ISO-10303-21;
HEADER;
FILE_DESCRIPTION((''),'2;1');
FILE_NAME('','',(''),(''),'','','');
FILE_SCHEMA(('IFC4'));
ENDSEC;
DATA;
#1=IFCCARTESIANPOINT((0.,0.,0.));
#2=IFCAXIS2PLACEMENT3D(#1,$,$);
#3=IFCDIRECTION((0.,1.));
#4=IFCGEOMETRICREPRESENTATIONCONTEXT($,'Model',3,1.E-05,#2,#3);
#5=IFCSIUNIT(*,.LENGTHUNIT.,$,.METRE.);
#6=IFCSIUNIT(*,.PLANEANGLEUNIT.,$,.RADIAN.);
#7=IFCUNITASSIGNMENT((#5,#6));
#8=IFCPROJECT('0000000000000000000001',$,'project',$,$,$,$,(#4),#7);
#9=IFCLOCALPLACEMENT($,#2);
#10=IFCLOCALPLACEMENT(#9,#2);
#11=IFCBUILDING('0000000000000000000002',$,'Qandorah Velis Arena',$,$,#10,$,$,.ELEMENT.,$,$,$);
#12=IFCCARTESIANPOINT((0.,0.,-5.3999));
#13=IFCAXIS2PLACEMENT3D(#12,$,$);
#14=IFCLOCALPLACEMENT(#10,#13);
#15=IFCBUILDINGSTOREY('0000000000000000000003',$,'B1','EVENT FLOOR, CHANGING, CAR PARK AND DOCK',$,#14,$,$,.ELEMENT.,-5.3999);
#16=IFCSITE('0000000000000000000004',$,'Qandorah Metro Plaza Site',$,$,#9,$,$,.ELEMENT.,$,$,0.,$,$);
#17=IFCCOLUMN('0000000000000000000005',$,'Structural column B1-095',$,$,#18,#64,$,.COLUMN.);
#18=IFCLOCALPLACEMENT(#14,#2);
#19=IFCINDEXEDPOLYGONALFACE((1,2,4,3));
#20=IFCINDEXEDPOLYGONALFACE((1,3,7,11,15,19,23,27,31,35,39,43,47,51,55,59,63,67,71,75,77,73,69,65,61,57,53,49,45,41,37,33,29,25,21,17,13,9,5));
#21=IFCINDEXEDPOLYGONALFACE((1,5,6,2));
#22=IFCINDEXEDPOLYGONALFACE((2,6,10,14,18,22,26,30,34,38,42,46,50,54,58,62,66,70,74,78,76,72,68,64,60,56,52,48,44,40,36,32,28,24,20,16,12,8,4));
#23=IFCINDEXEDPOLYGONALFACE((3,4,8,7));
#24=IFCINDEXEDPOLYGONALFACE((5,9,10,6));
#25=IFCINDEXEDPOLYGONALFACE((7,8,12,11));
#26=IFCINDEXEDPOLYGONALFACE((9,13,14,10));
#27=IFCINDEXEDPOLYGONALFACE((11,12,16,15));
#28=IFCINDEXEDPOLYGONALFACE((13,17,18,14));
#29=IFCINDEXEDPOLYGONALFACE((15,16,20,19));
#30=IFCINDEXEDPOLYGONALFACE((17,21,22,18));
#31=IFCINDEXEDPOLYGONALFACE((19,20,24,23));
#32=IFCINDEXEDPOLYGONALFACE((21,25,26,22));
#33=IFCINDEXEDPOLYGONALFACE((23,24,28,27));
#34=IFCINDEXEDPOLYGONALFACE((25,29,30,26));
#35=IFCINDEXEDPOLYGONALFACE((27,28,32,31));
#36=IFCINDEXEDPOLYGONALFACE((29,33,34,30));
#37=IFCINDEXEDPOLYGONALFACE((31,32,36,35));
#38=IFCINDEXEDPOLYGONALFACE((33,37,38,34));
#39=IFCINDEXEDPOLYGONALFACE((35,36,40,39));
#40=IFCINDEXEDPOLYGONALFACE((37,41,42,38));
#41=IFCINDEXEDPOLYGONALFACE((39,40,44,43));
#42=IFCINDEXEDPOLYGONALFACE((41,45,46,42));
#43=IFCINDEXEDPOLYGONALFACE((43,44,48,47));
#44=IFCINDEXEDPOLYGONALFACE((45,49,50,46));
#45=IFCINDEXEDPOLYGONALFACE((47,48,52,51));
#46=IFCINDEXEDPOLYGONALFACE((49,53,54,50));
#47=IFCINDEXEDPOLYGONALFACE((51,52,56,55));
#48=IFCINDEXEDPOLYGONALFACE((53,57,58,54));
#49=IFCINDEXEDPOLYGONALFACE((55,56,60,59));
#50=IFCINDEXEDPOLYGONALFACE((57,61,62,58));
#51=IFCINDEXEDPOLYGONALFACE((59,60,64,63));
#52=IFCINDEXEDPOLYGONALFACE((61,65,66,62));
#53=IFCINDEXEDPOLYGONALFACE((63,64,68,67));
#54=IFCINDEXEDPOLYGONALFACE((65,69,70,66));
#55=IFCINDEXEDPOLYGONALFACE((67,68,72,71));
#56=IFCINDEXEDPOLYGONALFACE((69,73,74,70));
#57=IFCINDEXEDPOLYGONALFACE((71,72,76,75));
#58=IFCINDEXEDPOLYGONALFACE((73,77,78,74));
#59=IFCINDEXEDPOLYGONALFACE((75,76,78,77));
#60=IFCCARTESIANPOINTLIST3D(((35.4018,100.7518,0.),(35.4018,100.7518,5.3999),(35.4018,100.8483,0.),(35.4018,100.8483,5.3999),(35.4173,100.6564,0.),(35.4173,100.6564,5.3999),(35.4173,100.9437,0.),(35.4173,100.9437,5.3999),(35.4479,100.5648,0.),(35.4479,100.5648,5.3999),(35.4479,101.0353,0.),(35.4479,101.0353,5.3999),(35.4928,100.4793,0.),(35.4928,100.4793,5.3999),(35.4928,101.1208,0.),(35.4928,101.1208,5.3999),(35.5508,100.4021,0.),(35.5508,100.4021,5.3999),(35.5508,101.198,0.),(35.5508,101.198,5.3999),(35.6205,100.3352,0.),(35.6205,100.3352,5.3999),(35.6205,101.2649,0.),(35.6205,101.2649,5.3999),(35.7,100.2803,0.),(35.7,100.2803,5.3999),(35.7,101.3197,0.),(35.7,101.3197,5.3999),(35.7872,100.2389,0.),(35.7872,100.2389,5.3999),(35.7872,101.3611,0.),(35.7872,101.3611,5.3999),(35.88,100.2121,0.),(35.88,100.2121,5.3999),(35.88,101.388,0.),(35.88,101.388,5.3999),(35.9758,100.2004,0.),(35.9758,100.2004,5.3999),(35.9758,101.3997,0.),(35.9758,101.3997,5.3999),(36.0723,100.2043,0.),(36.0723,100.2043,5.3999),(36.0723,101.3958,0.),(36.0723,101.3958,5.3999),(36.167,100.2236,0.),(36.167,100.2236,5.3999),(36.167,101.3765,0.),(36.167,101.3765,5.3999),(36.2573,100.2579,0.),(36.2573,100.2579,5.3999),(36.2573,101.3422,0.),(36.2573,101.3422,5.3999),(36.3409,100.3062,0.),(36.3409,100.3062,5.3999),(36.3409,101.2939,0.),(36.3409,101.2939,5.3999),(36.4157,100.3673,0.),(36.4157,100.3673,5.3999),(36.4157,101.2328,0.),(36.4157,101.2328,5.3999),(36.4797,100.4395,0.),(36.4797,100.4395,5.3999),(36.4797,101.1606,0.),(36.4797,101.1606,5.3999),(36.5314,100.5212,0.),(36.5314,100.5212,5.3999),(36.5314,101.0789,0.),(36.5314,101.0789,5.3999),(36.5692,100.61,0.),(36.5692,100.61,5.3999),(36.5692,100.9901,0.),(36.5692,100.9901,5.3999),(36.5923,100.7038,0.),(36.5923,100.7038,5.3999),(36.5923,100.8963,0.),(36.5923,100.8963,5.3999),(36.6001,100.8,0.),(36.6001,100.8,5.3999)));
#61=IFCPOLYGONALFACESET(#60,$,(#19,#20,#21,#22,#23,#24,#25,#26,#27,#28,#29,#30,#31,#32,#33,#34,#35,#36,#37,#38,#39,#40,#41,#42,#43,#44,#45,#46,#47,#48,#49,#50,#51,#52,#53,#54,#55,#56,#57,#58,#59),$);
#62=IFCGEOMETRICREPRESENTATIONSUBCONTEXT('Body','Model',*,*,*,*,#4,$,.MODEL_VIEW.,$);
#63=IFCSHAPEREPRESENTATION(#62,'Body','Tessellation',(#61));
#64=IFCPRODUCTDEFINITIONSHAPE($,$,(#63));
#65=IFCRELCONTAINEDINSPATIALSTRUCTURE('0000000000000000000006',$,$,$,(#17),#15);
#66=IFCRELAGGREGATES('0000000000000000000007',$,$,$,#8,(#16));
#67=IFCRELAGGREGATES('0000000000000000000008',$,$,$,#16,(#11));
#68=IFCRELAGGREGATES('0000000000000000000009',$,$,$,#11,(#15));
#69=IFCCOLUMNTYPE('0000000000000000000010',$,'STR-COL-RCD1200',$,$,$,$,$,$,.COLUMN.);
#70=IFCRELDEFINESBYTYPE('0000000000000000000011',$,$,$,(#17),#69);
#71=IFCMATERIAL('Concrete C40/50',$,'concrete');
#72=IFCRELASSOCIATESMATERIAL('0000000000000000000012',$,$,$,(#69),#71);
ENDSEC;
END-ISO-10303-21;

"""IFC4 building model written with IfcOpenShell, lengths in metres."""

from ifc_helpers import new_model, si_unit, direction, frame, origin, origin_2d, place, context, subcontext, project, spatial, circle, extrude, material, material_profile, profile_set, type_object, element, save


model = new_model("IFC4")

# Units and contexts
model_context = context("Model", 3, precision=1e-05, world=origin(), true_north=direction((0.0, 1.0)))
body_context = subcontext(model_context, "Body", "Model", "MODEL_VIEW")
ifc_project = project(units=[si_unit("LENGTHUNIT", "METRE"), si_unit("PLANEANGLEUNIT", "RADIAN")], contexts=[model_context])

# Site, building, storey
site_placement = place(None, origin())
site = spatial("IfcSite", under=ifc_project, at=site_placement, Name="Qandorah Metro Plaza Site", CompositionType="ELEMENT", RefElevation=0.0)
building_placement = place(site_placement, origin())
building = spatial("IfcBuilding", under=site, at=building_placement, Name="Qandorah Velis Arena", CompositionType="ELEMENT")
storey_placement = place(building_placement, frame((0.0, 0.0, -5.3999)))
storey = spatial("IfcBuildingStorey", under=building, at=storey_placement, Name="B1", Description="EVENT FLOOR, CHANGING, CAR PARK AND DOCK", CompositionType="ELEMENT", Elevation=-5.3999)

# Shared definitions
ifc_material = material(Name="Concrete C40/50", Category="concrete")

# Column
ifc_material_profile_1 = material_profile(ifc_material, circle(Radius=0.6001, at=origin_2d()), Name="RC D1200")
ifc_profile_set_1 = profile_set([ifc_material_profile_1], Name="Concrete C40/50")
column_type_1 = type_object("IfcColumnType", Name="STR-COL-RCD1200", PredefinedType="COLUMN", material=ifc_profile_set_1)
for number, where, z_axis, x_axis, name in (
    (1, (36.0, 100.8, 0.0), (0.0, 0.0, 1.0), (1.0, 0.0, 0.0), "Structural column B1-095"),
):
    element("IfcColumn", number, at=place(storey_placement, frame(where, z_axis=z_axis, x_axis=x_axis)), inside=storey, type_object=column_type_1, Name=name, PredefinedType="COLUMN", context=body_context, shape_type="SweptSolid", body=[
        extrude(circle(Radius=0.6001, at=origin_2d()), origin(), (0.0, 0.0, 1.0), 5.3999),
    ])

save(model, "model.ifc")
────
» Work instructions
Word for word, restate the lines above from the line containing "#64=IFCPRODUCTDEFINITIONSHAPE($,$,(#63));" through the line containing "#67=IFCRELAGGREGATES('0000000000000000000008',$,$,$,#16,(#11));", with both included and nothing else.

» Output below
#64=IFCPRODUCTDEFINITIONSHAPE($,$,(#63));
#65=IFCRELCONTAINEDINSPATIALSTRUCTURE('0000000000000000000006',$,$,$,(#17),#15);
#66=IFCRELAGGREGATES('0000000000000000000007',$,$,$,#8,(#16));
#67=IFCRELAGGREGATES('0000000000000000000008',$,$,$,#16,(#11));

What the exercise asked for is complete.